[[ RECORDS SHOWN, beginning ]]

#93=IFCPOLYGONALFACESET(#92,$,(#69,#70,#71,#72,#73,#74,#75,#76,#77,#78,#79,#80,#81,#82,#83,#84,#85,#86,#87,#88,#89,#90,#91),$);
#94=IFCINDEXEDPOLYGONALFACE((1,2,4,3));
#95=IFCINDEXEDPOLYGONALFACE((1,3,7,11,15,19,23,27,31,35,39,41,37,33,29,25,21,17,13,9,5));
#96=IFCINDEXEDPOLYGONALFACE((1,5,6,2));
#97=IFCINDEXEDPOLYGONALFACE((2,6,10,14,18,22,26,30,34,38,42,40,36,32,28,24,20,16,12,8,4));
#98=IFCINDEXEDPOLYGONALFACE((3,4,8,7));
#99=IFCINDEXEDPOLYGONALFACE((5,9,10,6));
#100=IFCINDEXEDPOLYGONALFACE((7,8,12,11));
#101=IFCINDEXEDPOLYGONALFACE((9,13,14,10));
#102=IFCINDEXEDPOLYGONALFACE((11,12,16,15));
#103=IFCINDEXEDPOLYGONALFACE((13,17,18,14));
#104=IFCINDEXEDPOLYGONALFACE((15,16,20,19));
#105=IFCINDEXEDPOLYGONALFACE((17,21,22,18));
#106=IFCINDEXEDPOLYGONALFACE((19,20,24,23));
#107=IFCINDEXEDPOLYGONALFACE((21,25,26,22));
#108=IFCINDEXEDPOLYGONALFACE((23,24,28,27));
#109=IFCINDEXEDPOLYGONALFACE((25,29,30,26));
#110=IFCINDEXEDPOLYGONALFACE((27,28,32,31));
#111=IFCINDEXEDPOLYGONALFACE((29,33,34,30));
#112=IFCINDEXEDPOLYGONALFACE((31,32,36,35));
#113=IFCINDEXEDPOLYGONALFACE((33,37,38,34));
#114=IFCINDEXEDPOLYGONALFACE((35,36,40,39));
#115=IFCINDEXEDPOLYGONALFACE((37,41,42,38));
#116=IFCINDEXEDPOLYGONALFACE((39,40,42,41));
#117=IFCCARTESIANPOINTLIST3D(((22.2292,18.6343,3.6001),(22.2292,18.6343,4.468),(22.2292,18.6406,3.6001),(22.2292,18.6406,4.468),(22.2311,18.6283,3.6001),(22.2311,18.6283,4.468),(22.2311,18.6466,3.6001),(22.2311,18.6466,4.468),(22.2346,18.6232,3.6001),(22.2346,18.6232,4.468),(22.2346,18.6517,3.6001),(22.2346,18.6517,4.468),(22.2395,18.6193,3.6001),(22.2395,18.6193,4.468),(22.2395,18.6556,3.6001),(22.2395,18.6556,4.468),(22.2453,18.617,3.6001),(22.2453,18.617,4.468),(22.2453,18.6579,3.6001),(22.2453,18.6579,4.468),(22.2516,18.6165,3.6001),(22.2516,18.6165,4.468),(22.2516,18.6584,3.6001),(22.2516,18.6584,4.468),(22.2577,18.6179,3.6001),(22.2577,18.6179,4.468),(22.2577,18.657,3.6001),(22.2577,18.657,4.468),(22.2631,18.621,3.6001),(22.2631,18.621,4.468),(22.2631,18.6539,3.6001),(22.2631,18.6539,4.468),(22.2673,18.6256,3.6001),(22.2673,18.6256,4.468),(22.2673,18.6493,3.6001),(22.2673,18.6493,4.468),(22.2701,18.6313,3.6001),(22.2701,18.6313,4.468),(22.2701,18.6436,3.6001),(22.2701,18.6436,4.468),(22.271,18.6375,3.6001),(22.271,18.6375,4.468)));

[[ RECORDS SHOWN, end ]]

▶ **TASK REQUIREMENTS**: Could you output the lines above, exactly as written, from the one containing "#115=IFCINDEXEDPOLYGONALFACE((37,41,42,38));" through the last, with both ends included and no others?

▶ **SOLUTION TO THE EXERCISE**:
#115=IFCINDEXEDPOLYGONALFACE((37,41,42,38));
#116=IFCINDEXEDPOLYGONALFACE((39,40,42,41));
#117=IFCCARTESIANPOINTLIST3D(((22.2292,18.6343,3.6001),(22.2292,18.6343,4.468),(22.2292,18.6406,3.6001),(22.2292,18.6406,4.468),(22.2311,18.6283,3.6001),(22.2311,18.6283,4.468),(22.2311,18.6466,3.6001),(22.2311,18.6466,4.468),(22.2346,18.6232,3.6001),(22.2346,18.6232,4.468),(22.2346,18.6517,3.6001),(22.2346,18.6517,4.468),(22.2395,18.6193,3.6001),(22.2395,18.6193,4.468),(22.2395,18.6556,3.6001),(22.2395,18.6556,4.468),(22.2453,18.617,3.6001),(22.2453,18.617,4.468),(22.2453,18.6579,3.6001),(22.2453,18.6579,4.468),(22.2516,18.6165,3.6001),(22.2516,18.6165,4.468),(22.2516,18.6584,3.6001),(22.2516,18.6584,4.468),(22.2577,18.6179,3.6001),(22.2577,18.6179,4.468),(22.2577,18.657,3.6001),(22.2577,18.657,4.468),(22.2631,18.621,3.6001),(22.2631,18.621,4.468),(22.2631,18.6539,3.6001),(22.2631,18.6539,4.468),(22.2673,18.6256,3.6001),(22.2673,18.6256,4.468),(22.2673,18.6493,3.6001),(22.2673,18.6493,4.468),(22.2701,18.6313,3.6001),(22.2701,18.6313,4.468),(22.2701,18.6436,3.6001),(22.2701,18.6436,4.468),(22.271,18.6375,3.6001),(22.271,18.6375,4.468)));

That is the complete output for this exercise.